Collected data entries:

>>>>>

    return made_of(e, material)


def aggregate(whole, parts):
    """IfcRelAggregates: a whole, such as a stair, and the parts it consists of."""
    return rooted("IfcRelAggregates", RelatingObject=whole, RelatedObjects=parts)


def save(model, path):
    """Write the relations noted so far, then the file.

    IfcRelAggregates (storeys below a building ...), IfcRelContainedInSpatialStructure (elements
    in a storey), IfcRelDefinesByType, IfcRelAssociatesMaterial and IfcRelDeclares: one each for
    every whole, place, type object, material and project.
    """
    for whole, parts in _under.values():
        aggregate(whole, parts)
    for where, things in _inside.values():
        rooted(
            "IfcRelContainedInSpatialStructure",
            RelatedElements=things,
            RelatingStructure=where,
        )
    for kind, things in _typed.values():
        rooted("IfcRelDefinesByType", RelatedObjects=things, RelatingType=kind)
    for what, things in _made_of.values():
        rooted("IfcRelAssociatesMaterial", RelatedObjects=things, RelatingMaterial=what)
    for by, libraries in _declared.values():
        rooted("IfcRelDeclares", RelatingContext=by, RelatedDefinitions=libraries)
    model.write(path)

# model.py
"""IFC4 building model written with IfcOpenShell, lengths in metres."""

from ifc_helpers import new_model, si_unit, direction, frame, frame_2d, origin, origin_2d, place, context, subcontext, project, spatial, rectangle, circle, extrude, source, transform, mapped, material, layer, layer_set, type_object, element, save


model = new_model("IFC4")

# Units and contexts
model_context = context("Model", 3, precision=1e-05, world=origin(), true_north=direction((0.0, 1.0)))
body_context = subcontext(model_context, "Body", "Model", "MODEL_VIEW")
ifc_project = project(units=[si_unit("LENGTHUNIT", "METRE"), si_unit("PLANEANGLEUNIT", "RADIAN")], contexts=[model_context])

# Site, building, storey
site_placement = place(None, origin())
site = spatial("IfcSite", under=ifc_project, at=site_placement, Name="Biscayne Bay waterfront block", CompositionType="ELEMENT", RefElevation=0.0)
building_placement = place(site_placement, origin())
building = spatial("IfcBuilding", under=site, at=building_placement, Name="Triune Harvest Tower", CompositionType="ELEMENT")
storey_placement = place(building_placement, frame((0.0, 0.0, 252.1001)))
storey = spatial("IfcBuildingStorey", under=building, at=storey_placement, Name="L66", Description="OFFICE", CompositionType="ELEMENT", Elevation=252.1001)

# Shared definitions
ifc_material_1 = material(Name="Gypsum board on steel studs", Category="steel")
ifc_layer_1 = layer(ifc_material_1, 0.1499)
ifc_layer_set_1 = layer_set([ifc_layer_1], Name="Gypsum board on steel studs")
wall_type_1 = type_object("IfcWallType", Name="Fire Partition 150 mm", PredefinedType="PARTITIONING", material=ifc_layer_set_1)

<<<<<

PROBLEM DETAILS:
The lines you need are those containing "libraries"; find them in the records and copy them.

RESULT FOR THIS EXERCISE:
    for by, libraries in _declared.values():
        rooted("IfcRelDeclares", RelatingContext=by, RelatedDefinitions=libraries)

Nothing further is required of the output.